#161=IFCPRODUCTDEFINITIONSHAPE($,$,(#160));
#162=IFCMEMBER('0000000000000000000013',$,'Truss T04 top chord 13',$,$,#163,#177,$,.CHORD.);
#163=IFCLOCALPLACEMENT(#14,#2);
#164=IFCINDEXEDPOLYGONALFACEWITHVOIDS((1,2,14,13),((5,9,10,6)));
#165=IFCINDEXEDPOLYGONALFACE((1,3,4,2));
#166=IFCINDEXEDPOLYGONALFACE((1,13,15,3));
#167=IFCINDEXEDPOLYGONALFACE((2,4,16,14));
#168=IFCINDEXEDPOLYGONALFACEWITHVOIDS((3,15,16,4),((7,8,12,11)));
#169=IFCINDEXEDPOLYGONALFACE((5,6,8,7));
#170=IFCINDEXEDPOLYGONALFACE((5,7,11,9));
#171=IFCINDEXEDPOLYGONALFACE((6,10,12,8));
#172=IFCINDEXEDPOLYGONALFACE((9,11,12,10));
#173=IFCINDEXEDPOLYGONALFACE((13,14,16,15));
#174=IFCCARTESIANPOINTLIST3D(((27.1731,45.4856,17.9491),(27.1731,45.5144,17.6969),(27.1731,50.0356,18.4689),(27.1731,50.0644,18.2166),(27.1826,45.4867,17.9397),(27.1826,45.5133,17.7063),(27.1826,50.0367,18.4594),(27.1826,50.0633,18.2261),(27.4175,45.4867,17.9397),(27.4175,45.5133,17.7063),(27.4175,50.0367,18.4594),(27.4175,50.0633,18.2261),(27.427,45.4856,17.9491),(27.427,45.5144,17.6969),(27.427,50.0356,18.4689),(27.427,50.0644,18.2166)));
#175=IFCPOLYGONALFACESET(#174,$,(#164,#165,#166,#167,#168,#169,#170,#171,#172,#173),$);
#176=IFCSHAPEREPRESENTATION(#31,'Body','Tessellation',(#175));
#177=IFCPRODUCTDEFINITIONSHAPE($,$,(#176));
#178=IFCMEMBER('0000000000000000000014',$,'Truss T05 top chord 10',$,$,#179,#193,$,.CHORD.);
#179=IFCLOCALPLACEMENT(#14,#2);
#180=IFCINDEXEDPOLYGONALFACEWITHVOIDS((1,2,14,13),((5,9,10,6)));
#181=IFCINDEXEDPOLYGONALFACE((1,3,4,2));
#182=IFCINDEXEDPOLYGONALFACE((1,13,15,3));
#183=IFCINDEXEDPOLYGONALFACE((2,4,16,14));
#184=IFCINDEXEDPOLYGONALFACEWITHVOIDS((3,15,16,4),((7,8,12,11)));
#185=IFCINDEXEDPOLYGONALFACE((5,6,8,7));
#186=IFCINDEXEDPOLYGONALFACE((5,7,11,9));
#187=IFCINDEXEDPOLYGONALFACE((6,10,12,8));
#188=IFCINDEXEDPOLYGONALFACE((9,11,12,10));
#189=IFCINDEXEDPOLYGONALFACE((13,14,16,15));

#### Work order
Where a line of the data contains "CHORD", copy that line.

#### Result of the exercise
#162=IFCMEMBER('0000000000000000000013',$,'Truss T04 top chord 13',$,$,#163,#177,$,.CHORD.);
#178=IFCMEMBER('0000000000000000000014',$,'Truss T05 top chord 10',$,$,#179,#193,$,.CHORD.);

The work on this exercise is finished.